• _WHAT THE TASK REQUIRES_
Give only the number of lines below that contain the word "Residences".

• _DATA IN THIS EXERCISE_

———

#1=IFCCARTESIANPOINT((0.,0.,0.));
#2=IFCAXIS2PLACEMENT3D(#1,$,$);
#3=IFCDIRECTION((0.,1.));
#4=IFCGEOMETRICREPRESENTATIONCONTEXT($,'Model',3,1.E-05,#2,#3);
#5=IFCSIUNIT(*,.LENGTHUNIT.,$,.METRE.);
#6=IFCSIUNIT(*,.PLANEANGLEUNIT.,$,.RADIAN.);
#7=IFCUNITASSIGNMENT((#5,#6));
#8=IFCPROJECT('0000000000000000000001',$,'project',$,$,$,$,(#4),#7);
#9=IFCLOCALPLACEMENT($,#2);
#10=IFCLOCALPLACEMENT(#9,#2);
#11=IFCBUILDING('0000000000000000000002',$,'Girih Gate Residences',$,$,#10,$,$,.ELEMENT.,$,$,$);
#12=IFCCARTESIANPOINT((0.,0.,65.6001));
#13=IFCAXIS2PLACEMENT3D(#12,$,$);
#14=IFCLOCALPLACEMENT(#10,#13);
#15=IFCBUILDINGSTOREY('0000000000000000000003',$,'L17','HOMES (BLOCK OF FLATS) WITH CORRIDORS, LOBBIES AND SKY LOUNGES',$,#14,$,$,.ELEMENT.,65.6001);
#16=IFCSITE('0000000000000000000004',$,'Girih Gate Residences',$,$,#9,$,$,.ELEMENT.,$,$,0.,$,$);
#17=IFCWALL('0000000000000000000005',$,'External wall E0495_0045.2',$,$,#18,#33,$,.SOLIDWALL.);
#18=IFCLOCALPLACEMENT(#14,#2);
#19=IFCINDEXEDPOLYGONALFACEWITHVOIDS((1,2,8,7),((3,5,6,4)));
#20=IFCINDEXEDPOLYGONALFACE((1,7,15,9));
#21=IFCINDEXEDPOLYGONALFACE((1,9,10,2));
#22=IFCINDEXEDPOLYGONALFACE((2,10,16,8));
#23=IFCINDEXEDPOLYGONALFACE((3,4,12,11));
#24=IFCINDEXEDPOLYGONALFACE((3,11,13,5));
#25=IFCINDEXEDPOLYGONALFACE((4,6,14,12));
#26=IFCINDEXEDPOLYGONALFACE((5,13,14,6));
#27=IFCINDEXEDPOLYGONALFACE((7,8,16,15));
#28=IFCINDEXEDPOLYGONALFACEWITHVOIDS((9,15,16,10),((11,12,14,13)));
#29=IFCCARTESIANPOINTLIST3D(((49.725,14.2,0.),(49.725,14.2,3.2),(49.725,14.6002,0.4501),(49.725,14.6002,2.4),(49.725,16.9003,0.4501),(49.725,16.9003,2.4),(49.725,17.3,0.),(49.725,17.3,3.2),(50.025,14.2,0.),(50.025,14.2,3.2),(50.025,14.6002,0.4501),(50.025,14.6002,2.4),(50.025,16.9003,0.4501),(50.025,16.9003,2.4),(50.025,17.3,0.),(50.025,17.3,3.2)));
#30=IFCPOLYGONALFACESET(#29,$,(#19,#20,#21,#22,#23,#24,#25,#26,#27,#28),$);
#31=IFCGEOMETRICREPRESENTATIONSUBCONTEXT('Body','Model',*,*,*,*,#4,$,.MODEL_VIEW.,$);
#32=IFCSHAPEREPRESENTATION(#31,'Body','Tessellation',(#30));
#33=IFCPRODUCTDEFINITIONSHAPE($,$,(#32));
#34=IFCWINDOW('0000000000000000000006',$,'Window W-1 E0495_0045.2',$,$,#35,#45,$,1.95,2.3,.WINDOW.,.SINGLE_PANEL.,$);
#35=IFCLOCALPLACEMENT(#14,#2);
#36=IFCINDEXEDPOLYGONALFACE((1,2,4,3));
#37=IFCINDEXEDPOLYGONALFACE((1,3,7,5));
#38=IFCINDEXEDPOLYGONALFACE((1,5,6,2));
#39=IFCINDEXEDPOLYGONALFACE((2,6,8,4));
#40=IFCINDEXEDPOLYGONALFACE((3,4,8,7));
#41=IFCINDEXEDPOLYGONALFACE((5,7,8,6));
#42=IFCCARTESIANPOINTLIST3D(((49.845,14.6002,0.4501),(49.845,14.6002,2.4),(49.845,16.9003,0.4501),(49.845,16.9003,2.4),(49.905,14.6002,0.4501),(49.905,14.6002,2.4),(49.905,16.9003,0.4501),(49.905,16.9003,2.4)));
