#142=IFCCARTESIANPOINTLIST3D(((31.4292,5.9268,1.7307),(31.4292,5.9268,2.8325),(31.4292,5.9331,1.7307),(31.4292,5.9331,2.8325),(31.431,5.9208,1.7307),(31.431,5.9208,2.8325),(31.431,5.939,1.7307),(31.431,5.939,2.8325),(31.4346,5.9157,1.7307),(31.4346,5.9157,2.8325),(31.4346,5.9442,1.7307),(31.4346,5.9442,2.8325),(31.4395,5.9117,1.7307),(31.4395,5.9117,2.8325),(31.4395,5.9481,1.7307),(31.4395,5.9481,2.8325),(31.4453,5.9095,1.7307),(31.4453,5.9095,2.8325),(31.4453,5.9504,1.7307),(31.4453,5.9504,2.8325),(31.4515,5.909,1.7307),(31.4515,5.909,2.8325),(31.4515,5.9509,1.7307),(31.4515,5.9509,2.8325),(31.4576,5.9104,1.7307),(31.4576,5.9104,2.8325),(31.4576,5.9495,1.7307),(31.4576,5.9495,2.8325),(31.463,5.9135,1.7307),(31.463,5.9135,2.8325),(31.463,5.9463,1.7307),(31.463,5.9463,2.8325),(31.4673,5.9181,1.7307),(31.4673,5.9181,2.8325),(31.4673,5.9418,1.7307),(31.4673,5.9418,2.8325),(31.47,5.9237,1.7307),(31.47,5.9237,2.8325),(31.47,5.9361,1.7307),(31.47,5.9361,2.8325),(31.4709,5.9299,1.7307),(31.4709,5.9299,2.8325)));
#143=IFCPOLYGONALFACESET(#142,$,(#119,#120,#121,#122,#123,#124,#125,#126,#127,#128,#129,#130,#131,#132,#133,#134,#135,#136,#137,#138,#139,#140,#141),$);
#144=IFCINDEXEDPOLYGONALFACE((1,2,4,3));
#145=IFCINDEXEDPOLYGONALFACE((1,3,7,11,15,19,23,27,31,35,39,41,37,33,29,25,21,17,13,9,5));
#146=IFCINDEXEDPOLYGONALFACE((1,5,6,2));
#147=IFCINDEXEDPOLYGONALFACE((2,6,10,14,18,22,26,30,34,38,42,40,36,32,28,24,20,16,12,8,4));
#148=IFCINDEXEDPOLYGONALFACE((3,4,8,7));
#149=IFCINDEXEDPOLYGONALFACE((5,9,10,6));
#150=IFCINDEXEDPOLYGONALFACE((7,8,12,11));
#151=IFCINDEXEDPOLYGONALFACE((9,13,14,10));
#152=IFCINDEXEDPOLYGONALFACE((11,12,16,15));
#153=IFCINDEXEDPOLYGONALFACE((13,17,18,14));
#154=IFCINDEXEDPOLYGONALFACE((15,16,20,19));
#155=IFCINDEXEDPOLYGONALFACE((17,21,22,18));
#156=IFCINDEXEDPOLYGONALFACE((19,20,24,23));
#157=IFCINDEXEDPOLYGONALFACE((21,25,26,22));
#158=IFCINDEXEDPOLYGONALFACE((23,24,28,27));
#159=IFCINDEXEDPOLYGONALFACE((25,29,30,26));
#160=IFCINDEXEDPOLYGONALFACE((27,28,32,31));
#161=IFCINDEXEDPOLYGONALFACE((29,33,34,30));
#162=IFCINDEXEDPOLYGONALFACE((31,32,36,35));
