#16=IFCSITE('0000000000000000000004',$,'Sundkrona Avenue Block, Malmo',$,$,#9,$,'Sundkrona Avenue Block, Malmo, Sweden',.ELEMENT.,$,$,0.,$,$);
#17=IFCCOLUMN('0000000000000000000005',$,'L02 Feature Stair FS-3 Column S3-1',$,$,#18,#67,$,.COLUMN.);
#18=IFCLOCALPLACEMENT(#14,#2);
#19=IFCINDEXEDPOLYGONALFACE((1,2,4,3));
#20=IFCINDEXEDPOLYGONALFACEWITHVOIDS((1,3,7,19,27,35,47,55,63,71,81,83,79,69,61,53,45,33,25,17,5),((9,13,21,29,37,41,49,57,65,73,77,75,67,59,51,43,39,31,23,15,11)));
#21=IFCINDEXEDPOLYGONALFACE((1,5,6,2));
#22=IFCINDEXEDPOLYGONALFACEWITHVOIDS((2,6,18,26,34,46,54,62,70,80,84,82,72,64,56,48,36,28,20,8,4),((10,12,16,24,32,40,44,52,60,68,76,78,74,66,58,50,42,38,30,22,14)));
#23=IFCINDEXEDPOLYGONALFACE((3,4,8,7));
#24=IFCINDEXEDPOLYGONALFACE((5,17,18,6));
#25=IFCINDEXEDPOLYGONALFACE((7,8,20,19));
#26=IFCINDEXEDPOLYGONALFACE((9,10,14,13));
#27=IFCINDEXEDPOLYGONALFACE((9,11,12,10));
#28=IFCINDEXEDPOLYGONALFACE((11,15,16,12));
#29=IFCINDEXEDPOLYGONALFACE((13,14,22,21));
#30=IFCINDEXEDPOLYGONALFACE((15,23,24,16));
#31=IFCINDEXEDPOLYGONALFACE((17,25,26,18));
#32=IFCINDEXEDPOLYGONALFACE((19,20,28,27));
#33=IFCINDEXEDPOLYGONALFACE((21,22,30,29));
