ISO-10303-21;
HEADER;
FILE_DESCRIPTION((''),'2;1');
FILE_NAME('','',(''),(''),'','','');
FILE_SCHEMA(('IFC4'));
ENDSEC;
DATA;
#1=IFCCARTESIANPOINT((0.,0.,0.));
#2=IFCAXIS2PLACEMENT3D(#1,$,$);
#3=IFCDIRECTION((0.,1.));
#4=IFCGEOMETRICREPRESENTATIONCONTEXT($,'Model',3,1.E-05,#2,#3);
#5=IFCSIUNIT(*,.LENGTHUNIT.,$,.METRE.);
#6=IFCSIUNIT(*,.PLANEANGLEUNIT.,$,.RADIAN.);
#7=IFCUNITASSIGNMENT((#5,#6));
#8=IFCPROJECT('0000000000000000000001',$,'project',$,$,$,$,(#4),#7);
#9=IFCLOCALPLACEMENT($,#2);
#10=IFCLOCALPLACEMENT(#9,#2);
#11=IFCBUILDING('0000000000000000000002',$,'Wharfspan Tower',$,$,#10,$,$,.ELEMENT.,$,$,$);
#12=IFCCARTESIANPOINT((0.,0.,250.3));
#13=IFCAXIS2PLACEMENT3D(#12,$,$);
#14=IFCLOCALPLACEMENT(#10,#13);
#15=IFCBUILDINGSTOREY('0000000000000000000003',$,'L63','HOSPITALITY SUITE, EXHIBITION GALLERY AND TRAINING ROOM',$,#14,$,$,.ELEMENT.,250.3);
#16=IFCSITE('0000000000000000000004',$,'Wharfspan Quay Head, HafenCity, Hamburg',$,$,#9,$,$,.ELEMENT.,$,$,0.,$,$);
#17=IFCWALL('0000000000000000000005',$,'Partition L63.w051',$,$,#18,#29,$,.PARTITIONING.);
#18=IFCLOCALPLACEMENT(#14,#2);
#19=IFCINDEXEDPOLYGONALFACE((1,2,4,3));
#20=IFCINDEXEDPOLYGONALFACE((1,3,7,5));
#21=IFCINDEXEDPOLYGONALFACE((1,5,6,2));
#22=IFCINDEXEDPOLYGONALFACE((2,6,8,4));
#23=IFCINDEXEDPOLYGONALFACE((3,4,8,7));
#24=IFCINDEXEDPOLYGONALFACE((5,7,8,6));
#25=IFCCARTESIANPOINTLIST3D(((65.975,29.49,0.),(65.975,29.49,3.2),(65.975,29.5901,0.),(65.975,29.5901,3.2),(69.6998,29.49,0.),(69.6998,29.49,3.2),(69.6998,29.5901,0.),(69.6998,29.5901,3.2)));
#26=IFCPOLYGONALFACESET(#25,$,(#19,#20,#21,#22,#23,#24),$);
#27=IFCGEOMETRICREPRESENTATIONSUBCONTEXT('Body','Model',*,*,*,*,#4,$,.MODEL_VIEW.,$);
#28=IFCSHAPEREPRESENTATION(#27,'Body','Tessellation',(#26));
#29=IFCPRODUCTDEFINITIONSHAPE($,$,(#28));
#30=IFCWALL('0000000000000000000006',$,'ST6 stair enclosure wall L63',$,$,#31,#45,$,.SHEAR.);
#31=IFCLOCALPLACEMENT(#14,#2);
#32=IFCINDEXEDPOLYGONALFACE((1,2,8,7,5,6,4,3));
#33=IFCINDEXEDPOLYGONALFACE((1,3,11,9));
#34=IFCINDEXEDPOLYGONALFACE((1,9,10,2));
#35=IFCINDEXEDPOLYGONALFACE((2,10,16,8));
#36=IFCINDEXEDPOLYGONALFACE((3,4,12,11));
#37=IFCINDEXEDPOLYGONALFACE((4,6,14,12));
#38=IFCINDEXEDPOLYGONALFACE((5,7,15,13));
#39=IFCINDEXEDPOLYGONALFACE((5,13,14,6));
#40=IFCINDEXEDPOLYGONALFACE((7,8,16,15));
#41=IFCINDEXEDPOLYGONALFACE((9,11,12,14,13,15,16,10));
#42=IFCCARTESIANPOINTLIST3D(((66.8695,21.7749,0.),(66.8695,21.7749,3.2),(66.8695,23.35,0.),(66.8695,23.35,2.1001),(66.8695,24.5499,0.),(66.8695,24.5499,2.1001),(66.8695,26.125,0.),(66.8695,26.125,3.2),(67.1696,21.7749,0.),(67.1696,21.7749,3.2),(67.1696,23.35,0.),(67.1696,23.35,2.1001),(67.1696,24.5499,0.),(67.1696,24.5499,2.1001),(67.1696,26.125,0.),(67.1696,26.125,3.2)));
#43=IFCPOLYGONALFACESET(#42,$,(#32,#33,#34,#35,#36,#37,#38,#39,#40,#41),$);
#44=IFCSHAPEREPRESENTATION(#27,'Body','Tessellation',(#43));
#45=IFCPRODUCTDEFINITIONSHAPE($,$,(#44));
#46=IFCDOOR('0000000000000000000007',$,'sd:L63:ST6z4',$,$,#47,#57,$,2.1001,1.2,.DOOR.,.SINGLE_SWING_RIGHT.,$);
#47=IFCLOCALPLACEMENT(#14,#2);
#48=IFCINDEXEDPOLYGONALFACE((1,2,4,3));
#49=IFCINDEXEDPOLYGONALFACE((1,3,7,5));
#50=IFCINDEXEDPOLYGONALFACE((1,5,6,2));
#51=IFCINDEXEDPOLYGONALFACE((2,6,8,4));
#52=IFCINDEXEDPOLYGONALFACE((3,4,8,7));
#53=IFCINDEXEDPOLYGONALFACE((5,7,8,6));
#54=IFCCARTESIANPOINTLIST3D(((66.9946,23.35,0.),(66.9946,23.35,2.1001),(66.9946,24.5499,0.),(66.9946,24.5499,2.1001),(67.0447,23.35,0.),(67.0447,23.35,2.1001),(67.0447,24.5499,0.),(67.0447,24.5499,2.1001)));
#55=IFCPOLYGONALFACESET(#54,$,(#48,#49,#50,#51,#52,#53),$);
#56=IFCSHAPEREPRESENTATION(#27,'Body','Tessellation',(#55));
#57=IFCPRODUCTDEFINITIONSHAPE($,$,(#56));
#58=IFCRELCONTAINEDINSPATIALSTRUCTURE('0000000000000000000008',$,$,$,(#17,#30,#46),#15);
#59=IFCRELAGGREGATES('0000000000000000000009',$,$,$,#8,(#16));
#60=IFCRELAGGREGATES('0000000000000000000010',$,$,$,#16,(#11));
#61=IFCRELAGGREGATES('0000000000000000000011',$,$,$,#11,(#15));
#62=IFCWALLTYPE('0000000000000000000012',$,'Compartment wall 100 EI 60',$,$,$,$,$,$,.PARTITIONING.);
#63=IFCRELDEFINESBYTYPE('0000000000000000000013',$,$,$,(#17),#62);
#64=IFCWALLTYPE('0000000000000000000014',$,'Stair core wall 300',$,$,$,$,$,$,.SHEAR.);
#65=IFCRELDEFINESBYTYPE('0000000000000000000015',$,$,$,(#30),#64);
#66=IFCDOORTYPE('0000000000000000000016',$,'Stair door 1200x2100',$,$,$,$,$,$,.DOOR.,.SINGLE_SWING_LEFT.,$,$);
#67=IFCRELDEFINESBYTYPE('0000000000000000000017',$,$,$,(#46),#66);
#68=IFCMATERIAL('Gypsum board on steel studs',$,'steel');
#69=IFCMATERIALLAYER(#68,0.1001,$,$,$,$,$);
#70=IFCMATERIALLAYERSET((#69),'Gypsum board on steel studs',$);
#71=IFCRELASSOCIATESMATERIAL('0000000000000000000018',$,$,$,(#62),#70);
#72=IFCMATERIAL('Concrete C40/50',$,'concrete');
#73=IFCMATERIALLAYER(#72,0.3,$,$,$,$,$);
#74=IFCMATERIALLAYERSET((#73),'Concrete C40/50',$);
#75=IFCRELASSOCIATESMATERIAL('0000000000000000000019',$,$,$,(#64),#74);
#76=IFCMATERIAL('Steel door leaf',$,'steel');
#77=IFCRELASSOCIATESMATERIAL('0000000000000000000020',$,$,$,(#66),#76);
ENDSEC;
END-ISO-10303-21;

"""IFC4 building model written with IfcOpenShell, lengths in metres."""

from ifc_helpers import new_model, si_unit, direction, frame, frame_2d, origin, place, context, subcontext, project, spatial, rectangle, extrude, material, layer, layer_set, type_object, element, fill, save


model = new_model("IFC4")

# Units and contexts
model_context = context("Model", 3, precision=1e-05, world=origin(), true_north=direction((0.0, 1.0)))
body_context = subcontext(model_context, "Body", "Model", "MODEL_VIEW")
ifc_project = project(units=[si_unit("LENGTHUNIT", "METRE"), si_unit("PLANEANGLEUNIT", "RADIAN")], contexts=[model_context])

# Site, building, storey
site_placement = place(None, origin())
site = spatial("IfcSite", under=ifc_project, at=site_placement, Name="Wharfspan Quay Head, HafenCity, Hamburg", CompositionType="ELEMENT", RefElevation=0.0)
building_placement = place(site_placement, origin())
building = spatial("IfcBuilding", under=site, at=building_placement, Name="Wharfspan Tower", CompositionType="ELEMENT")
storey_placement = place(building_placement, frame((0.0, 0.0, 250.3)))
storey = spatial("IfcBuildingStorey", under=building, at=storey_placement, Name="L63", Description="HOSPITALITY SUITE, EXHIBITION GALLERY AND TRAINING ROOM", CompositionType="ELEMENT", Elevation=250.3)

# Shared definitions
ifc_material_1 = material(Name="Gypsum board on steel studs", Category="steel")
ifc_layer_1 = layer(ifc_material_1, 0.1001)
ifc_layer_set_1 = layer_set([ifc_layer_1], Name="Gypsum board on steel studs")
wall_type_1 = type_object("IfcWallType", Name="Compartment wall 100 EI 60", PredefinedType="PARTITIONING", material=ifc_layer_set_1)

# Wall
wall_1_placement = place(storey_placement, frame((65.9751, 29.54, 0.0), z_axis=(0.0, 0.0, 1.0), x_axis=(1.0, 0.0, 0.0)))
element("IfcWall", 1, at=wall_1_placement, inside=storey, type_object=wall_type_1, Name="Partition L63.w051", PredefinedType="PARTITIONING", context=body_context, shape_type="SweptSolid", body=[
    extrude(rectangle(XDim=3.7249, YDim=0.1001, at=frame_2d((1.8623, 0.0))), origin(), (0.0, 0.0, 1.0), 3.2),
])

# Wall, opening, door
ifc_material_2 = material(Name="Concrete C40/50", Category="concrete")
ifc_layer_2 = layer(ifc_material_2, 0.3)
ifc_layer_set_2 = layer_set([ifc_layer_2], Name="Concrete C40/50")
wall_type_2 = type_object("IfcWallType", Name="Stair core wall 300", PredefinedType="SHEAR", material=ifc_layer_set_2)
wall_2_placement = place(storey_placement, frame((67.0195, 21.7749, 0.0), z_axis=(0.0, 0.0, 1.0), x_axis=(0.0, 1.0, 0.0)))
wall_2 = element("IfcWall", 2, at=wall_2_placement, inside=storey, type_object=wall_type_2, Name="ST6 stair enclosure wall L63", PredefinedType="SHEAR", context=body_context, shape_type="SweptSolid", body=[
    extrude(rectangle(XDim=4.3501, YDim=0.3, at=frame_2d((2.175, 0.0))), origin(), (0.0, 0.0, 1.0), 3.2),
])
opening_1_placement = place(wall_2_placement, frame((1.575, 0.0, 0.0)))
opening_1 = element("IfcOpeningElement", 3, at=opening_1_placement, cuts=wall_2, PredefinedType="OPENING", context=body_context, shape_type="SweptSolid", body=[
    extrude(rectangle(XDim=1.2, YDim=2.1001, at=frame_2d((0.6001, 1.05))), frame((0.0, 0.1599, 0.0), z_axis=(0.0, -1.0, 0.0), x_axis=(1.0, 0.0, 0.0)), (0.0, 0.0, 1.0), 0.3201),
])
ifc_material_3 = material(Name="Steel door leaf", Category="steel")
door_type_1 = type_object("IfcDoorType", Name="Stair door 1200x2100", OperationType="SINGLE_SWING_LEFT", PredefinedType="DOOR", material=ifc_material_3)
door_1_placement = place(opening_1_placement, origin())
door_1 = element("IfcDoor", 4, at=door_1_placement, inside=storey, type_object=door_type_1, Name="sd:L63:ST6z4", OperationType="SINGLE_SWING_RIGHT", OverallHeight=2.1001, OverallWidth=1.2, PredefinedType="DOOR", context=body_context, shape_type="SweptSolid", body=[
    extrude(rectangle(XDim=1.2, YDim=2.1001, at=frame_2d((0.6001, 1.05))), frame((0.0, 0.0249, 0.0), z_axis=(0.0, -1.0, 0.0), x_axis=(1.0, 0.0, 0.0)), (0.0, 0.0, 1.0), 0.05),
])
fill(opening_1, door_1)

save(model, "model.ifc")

———

• _RESULT_
2